:: Task instructions ::
Tally the lines in the records underneath that contain the string "IfcBuildingStorey", and state the figure by itself.

:: Records supplied ::

★ ★ ★ ★ ★ ★ ★

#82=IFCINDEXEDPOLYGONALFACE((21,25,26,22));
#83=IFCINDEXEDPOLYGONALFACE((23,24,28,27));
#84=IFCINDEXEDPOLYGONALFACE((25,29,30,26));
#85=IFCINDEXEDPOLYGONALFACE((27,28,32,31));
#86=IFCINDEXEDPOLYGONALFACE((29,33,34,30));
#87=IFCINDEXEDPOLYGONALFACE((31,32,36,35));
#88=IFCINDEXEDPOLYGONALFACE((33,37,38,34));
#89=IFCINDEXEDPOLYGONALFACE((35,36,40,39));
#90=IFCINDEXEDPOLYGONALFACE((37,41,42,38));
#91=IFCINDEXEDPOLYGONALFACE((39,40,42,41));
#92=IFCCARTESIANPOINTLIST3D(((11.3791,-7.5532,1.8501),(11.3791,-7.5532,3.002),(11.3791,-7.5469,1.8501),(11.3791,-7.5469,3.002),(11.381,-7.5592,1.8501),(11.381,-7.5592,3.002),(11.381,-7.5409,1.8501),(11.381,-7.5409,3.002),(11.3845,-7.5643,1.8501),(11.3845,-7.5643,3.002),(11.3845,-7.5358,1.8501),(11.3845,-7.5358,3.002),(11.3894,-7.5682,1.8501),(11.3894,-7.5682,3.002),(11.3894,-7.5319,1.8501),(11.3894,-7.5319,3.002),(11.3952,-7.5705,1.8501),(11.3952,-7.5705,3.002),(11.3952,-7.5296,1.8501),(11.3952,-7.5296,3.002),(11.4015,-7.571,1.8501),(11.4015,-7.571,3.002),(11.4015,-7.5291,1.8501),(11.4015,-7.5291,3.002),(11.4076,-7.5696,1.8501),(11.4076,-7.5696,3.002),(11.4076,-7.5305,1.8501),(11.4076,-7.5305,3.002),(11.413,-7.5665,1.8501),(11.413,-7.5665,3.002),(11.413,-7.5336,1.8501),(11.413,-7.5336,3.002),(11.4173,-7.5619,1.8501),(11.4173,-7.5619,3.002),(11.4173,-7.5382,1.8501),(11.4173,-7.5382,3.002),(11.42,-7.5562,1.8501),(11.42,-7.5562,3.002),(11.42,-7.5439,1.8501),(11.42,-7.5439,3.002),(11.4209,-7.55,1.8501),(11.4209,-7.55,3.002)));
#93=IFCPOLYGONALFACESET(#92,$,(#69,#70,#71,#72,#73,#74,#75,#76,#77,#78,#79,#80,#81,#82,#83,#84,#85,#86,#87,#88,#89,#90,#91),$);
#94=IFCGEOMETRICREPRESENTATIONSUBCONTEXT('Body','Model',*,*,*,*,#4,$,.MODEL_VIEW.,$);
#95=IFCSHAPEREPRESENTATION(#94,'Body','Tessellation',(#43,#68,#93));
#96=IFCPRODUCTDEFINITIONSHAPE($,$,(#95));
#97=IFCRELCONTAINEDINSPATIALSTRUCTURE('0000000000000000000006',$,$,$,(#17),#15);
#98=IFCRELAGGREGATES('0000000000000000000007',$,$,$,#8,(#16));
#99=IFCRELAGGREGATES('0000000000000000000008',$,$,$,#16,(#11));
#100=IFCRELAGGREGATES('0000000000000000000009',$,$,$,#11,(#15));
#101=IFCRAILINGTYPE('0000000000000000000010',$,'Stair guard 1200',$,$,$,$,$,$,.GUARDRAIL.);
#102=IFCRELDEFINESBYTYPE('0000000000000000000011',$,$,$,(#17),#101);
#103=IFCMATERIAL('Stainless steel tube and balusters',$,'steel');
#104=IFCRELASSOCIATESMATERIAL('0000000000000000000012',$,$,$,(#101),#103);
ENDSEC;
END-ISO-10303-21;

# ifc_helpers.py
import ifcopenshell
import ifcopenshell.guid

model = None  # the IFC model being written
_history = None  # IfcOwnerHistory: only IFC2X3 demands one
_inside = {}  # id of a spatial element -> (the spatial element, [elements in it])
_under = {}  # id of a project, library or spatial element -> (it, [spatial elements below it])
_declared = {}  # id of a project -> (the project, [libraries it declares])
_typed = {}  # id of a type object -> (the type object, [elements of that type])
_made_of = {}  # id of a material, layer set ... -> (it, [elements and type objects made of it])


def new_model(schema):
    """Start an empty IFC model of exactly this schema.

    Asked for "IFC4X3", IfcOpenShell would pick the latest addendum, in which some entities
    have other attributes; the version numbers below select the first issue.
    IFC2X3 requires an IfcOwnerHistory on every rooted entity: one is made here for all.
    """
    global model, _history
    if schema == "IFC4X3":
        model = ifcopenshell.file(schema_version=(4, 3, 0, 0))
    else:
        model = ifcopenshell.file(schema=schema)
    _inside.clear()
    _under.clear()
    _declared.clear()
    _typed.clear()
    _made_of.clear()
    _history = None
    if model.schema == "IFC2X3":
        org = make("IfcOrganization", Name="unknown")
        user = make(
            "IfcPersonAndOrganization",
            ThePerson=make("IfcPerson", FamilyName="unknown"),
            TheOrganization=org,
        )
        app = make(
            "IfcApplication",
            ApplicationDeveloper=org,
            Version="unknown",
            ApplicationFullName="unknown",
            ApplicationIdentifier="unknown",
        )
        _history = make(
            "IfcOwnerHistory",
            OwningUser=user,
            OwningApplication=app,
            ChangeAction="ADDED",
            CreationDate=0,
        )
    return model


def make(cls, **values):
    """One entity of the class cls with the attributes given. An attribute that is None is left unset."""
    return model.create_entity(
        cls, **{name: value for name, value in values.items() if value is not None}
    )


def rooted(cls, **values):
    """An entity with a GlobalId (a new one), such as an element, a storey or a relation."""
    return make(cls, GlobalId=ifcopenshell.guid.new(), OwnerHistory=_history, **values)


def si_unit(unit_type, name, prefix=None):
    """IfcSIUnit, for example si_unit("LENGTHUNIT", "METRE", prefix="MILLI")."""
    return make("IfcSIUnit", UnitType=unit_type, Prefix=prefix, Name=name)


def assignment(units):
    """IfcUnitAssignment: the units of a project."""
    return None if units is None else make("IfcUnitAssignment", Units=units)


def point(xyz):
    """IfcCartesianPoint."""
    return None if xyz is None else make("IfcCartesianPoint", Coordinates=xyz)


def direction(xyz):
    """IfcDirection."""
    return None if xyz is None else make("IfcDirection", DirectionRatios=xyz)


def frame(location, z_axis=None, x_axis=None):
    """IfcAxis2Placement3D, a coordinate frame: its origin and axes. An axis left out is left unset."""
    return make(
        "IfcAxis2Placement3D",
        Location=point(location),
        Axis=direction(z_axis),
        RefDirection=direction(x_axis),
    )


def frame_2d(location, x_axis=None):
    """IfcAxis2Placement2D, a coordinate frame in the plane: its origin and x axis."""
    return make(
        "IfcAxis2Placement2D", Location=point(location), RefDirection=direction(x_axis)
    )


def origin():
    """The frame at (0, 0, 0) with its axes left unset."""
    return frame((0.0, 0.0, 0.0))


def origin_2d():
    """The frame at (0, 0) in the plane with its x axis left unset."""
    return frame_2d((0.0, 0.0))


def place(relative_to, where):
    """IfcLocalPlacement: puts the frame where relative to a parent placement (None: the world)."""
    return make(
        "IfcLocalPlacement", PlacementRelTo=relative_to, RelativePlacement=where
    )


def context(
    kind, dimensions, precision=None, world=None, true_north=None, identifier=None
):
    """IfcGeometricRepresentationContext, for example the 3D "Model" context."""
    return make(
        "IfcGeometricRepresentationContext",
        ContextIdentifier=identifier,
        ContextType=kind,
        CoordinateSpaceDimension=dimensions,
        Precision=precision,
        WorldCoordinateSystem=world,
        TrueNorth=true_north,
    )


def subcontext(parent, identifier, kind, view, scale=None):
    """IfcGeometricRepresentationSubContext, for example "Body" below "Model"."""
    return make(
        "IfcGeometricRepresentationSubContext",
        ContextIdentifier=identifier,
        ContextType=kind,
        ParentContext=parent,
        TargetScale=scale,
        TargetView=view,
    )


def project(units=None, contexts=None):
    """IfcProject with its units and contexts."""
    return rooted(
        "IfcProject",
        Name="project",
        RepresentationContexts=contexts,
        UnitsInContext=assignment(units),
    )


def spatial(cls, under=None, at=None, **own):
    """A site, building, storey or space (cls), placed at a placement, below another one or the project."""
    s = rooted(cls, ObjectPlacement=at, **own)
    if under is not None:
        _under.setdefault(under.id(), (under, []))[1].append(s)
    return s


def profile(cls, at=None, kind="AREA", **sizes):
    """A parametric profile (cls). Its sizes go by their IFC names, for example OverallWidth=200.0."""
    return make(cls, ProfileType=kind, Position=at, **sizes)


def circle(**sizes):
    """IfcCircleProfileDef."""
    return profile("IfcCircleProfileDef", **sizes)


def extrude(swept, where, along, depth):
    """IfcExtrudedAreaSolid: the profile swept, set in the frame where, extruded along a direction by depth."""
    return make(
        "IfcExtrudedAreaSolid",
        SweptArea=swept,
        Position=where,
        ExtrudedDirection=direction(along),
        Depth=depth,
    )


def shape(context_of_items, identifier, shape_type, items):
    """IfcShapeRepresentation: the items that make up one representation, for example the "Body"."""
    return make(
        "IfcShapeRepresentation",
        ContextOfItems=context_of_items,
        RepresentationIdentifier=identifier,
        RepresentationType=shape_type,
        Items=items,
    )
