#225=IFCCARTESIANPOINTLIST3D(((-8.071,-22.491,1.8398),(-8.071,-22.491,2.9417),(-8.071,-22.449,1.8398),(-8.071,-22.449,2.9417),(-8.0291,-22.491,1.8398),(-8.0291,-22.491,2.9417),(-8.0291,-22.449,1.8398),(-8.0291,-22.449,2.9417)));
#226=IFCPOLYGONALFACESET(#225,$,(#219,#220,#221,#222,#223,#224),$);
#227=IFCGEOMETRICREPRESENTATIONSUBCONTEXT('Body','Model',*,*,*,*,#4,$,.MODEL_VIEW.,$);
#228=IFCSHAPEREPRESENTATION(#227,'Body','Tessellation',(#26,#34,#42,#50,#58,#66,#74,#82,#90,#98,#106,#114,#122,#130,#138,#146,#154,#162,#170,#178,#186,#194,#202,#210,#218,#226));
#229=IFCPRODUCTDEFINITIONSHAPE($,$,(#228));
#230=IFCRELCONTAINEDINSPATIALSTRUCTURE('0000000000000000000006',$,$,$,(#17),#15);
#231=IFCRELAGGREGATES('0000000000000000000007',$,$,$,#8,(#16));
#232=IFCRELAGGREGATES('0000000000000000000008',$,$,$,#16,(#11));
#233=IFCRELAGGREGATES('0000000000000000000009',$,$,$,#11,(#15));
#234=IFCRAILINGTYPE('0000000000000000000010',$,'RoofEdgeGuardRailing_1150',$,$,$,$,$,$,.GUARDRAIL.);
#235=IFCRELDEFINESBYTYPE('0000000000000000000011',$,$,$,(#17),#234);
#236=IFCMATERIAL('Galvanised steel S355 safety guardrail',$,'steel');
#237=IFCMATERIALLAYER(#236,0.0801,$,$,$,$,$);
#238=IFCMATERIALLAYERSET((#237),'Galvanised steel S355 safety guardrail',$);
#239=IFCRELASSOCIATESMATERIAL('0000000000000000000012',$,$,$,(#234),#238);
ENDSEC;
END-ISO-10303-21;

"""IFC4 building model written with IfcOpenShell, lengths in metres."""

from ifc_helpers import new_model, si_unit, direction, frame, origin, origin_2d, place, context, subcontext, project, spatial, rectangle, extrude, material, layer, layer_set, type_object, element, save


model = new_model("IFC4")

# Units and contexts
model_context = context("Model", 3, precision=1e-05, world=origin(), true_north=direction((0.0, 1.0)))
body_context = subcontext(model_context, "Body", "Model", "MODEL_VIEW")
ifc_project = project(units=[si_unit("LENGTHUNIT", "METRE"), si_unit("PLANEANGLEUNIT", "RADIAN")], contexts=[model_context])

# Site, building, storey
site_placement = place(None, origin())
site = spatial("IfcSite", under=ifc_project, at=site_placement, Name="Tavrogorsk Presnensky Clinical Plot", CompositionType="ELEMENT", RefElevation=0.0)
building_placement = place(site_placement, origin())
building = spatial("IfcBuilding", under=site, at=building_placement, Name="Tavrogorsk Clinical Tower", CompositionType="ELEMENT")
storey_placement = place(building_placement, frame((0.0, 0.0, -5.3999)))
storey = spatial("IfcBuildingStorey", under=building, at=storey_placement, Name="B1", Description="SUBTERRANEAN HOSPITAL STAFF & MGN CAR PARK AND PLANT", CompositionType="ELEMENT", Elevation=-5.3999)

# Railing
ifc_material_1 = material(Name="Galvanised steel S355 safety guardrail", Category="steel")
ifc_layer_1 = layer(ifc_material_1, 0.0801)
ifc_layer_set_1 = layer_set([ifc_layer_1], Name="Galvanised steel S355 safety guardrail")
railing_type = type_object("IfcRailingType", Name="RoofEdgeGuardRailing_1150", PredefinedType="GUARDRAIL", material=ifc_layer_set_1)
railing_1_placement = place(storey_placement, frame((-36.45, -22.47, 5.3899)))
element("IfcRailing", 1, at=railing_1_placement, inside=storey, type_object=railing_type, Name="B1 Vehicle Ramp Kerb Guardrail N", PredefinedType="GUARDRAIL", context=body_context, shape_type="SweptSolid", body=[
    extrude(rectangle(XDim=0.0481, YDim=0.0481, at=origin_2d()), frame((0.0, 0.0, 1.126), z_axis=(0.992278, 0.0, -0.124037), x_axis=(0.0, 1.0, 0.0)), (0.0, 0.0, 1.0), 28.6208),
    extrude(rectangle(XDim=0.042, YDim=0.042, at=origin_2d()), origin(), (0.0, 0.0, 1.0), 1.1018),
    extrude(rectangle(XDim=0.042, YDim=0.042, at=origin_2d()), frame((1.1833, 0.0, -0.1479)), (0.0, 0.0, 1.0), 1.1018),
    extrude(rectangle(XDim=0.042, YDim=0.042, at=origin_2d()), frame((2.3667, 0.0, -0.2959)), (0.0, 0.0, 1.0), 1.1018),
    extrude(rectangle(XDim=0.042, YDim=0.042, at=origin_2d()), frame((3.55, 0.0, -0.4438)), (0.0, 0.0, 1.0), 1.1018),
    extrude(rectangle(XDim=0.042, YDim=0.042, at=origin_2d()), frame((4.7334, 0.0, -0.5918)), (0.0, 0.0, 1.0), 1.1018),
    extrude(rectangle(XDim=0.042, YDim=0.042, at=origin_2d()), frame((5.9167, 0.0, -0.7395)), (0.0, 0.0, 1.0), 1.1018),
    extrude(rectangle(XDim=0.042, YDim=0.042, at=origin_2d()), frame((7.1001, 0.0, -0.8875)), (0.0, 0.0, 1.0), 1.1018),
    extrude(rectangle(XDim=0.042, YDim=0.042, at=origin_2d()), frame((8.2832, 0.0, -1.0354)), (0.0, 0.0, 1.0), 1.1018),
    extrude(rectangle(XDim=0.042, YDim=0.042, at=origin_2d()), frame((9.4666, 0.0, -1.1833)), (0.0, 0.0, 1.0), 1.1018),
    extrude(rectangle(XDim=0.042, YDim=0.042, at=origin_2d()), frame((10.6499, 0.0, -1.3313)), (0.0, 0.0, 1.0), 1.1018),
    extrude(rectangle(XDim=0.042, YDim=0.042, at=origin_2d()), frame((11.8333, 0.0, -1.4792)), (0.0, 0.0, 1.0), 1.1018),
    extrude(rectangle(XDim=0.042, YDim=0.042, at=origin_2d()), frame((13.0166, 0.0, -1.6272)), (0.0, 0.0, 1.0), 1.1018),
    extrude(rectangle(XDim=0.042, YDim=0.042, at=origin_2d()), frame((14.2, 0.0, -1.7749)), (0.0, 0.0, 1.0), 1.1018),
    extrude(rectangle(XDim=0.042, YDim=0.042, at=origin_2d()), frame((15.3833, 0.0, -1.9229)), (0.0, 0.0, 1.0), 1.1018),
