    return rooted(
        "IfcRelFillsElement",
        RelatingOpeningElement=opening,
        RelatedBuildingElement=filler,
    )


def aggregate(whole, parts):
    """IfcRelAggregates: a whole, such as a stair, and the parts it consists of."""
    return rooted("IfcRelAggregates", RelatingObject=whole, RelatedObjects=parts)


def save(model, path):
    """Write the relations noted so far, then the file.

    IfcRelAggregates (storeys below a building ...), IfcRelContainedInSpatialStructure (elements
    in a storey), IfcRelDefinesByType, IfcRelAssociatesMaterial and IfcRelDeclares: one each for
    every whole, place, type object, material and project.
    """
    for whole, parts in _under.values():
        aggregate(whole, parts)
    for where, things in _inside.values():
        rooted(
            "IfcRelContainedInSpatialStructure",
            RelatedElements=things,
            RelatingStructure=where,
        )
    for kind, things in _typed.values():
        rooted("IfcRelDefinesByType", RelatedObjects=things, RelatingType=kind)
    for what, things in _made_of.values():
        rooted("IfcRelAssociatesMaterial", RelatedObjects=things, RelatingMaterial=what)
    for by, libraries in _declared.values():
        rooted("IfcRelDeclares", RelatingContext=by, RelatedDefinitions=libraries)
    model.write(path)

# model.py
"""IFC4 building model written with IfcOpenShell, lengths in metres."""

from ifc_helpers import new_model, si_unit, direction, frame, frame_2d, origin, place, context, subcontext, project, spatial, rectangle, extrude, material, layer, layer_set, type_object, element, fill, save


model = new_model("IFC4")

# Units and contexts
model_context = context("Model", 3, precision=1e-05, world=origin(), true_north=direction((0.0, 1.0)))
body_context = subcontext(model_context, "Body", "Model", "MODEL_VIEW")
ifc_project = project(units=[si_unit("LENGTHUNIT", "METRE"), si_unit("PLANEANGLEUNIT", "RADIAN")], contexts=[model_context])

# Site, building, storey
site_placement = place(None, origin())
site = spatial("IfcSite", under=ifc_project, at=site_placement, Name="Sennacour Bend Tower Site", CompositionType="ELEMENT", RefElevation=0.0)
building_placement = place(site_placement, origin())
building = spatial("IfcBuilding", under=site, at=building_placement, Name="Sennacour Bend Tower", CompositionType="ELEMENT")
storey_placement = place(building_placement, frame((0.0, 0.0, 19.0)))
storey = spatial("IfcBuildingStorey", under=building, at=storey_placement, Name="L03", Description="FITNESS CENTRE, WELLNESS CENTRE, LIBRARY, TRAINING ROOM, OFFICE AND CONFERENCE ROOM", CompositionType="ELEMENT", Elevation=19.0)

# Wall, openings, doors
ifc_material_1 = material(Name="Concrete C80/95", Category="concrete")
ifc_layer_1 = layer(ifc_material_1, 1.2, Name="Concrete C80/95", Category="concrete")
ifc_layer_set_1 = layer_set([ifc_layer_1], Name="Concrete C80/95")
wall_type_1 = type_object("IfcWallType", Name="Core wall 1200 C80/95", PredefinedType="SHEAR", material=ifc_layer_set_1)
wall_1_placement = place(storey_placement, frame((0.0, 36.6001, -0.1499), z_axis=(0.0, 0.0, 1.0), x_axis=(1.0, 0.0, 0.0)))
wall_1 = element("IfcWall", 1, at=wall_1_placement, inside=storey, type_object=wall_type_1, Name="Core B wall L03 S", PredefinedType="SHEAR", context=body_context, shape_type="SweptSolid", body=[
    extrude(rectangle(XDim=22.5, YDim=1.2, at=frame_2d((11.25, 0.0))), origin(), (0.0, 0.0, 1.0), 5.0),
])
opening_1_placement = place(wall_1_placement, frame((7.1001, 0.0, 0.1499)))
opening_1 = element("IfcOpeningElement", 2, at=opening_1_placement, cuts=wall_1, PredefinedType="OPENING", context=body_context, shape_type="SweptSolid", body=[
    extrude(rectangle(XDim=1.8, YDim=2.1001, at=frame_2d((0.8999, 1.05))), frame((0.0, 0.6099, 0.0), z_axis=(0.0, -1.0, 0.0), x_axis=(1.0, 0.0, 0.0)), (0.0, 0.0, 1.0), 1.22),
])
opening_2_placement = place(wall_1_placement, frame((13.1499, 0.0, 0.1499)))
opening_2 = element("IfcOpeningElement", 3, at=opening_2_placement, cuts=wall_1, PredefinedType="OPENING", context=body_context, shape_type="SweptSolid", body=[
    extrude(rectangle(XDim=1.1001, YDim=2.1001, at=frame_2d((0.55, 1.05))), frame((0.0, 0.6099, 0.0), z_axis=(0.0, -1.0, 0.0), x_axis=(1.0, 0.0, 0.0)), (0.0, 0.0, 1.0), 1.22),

★ ★ ★ ★ ★ ★ ★

:: Output of the task ::
2